(Stored dataset items)
*** Block opens ***

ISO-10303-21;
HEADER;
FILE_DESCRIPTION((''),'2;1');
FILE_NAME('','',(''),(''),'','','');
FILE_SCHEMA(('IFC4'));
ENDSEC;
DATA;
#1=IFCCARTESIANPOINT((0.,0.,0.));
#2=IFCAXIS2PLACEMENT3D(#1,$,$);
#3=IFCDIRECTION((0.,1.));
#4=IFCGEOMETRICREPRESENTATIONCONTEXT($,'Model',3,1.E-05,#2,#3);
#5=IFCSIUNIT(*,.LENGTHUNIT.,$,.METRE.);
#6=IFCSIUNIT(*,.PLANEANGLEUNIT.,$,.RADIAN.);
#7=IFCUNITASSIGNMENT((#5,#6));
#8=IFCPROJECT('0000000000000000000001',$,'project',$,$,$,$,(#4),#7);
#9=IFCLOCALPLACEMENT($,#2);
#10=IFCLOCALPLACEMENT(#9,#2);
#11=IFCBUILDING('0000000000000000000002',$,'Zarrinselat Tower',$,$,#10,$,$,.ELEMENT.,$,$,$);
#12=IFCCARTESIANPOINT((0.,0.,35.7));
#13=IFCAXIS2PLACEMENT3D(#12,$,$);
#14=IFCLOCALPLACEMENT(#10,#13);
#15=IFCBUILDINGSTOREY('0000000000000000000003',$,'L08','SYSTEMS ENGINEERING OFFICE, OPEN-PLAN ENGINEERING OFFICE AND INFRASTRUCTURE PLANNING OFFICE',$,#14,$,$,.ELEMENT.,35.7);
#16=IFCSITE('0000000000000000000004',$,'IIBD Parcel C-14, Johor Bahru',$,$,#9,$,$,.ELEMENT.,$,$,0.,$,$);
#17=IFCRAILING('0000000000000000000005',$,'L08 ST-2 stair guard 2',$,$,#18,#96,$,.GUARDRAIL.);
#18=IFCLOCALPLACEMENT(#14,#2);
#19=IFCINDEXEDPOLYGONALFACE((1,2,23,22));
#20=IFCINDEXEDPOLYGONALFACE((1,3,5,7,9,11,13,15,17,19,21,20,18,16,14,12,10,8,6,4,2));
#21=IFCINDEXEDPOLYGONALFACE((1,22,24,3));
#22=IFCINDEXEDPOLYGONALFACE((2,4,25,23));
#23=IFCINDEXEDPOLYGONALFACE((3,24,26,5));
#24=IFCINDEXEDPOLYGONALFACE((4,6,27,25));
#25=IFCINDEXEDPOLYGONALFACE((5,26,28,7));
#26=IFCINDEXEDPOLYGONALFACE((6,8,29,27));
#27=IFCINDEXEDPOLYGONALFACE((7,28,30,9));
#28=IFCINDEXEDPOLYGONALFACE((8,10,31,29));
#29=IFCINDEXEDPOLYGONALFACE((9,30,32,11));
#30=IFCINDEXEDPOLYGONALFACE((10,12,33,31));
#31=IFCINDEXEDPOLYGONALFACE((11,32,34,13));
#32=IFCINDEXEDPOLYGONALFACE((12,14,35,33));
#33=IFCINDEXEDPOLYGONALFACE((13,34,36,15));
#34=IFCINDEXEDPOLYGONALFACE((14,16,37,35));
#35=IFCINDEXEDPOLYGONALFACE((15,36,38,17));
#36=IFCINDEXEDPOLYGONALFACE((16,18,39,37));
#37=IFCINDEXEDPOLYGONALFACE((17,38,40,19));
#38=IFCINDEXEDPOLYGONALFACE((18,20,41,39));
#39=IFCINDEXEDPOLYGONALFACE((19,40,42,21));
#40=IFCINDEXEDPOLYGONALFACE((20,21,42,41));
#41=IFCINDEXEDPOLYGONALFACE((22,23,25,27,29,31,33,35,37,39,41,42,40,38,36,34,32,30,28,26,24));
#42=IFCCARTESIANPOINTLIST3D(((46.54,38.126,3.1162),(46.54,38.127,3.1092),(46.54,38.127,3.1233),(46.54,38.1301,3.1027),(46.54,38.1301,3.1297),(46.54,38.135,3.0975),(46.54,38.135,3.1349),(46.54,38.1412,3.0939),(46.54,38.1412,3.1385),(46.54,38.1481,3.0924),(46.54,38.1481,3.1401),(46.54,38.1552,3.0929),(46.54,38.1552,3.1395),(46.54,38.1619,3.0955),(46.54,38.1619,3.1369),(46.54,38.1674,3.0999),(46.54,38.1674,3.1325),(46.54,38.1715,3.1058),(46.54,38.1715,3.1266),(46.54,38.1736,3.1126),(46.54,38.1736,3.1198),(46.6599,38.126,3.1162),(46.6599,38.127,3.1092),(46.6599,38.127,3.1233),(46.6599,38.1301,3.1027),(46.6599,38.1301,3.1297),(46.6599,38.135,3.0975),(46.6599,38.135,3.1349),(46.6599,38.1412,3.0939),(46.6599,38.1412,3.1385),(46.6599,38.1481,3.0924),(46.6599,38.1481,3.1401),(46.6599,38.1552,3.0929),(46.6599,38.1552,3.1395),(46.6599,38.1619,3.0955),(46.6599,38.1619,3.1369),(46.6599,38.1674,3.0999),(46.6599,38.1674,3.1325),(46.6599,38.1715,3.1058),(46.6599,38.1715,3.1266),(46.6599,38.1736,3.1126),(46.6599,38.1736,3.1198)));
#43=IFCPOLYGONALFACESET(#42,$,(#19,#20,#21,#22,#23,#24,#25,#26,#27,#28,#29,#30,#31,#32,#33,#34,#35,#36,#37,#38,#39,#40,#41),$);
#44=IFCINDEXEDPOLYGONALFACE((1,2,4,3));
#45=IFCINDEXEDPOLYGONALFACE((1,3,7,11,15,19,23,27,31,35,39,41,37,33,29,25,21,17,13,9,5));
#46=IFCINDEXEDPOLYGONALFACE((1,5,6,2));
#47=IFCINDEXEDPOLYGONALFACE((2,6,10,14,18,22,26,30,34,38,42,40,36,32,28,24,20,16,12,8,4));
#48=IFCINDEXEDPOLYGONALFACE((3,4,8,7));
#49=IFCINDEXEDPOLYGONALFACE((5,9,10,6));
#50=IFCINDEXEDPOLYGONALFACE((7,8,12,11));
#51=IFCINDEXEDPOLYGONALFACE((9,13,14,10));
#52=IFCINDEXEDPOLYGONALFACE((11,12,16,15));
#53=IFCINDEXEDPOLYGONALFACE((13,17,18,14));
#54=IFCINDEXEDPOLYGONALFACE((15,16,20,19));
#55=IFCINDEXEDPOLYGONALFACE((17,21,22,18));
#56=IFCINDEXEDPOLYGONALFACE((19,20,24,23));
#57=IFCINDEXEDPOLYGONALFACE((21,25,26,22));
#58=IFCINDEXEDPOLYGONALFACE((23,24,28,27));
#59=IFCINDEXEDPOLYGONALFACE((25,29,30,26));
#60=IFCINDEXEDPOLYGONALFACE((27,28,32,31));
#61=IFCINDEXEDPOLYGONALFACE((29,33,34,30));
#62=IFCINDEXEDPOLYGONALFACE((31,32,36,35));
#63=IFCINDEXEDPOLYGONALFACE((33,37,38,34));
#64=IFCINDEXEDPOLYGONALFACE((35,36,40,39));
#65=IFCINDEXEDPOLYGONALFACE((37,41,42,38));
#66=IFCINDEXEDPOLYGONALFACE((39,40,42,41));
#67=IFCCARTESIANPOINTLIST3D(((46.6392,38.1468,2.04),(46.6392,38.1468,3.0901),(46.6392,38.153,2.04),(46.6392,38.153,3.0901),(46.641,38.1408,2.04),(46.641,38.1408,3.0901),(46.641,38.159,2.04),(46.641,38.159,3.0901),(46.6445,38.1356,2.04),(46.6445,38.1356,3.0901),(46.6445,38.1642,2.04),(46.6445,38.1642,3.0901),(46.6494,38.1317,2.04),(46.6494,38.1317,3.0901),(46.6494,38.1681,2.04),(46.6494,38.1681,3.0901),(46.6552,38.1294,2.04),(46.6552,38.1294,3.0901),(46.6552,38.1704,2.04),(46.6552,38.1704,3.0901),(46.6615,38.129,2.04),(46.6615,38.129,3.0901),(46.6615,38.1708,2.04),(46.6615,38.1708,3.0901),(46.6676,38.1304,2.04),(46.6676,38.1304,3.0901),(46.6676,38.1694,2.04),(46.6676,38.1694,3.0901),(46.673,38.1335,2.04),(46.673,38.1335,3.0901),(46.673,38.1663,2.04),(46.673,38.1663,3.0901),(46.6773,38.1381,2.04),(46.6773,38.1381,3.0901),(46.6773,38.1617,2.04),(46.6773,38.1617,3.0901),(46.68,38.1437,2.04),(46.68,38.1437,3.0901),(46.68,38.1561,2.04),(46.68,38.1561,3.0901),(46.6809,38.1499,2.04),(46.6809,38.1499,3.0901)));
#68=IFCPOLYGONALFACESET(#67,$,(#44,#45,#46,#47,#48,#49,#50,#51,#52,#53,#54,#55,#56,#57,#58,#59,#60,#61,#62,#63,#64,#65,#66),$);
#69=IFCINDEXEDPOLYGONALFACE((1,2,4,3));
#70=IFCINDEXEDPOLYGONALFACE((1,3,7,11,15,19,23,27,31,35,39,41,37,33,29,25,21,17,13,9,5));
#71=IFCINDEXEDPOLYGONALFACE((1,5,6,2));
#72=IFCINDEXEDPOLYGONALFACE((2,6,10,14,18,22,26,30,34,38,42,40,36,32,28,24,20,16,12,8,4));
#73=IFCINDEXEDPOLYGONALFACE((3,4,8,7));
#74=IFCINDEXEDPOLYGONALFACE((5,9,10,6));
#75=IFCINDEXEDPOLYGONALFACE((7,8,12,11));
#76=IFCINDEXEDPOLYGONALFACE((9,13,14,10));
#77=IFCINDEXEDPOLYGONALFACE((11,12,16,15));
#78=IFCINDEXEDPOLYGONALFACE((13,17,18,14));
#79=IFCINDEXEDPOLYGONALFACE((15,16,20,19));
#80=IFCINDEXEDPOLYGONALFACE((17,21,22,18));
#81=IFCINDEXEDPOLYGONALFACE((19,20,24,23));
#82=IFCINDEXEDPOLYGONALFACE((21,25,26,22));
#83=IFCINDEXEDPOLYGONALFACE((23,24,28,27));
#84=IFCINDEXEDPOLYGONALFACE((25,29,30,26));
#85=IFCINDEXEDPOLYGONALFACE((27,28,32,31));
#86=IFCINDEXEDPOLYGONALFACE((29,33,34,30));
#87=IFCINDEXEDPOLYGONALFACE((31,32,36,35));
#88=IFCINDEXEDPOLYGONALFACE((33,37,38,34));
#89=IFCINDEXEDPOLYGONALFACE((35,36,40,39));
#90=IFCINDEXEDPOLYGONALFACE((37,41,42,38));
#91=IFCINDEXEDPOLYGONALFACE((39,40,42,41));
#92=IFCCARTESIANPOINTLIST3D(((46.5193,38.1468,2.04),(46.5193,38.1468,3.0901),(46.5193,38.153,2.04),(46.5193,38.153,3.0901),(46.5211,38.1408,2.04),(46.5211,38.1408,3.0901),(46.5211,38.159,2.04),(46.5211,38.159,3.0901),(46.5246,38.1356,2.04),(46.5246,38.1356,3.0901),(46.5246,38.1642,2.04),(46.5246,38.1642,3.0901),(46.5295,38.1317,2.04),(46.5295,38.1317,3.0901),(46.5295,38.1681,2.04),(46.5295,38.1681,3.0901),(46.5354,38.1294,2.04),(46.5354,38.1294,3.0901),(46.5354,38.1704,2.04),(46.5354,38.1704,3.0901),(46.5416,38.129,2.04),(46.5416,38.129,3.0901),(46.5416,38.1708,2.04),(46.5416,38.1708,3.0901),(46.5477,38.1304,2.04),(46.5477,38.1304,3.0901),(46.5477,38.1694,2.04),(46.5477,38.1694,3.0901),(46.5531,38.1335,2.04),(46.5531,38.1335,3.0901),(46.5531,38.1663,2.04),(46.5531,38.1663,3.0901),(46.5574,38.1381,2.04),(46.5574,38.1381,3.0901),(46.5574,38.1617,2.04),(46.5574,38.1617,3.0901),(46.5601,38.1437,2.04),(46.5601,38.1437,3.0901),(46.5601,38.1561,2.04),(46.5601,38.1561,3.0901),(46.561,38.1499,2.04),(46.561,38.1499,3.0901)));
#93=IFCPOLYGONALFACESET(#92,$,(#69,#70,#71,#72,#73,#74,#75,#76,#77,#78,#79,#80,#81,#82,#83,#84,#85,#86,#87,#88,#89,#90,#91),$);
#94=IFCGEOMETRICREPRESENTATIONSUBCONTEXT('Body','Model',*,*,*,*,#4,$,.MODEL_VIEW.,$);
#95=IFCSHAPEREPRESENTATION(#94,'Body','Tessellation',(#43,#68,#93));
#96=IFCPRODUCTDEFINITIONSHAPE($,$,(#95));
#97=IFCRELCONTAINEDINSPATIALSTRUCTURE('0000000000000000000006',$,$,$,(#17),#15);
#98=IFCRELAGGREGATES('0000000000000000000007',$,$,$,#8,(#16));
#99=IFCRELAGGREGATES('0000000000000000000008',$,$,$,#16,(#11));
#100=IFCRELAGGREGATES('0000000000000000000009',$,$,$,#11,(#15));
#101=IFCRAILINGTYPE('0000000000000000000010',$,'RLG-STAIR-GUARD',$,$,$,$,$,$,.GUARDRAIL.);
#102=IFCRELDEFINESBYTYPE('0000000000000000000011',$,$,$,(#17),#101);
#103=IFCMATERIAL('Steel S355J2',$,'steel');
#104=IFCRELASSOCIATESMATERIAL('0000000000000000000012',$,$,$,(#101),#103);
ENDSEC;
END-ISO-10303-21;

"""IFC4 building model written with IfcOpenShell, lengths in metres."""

from ifc_helpers import new_model, si_unit, direction, frame, origin, origin_2d, place, context, subcontext, project, spatial, circle, extrude, material, type_object, element, save


model = new_model("IFC4")

# Units and contexts
model_context = context("Model", 3, precision=1e-05, world=origin(), true_north=direction((0.0, 1.0)))
body_context = subcontext(model_context, "Body", "Model", "MODEL_VIEW")
ifc_project = project(units=[si_unit("LENGTHUNIT", "METRE"), si_unit("PLANEANGLEUNIT", "RADIAN")], contexts=[model_context])

# Site, building, storey
site_placement = place(None, origin())
site = spatial("IfcSite", under=ifc_project, at=site_placement, Name="IIBD Parcel C-14, Johor Bahru", CompositionType="ELEMENT", RefElevation=0.0)
building_placement = place(site_placement, origin())
building = spatial("IfcBuilding", under=site, at=building_placement, Name="Zarrinselat Tower", CompositionType="ELEMENT")
storey_placement = place(building_placement, frame((0.0, 0.0, 35.7)))
storey = spatial("IfcBuildingStorey", under=building, at=storey_placement, Name="L08", Description="SYSTEMS ENGINEERING OFFICE, OPEN-PLAN ENGINEERING OFFICE AND INFRASTRUCTURE PLANNING OFFICE", CompositionType="ELEMENT", Elevation=35.7)

# Railing
ifc_material_1 = material(Name="Steel S355J2", Category="steel")
railing_type_1 = type_object("IfcRailingType", Name="RLG-STAIR-GUARD", PredefinedType="GUARDRAIL", material=ifc_material_1)
railing_1_placement = place(storey_placement, frame((46.6599, 38.1499, 2.04)))
element("IfcRailing", 1, at=railing_1_placement, inside=storey, type_object=railing_type_1, Name="L08 ST-2 stair guard 2", PredefinedType="GUARDRAIL", context=body_context, shape_type="SweptSolid", body=[
    extrude(circle(Radius=0.0239, at=origin_2d()), frame((0.0, 0.0, 1.0762), z_axis=(-1.0, 0.0, 0.0), x_axis=(0.0, -1.0, 0.0)), (0.0, 0.0, 1.0), 0.1199),
    extrude(circle(Radius=0.021, at=origin_2d()), origin(), (0.0, 0.0, 1.0), 1.05),
    extrude(circle(Radius=0.021, at=origin_2d()), frame((-0.1199, 0.0, 0.0)), (0.0, 0.0, 1.0), 1.05),
])

save(model, "model.ifc")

*** Block closes ***

The problem: When you reach the line holding "FILE_DESCRIPTION((''),'2;1');" in the records above, begin reproducing exactly, stop after the line holding "#4=IFCGEOMETRICREPRESENTATIONCONTEXT($,'Model',3,1.E-05,#2,#3);", and output nothing else.

Your solution:
FILE_DESCRIPTION((''),'2;1');
FILE_NAME('','',(''),(''),'','','');
FILE_SCHEMA(('IFC4'));
ENDSEC;
DATA;
#1=IFCCARTESIANPOINT((0.,0.,0.));
#2=IFCAXIS2PLACEMENT3D(#1,$,$);
#3=IFCDIRECTION((0.,1.));
#4=IFCGEOMETRICREPRESENTATIONCONTEXT($,'Model',3,1.E-05,#2,#3);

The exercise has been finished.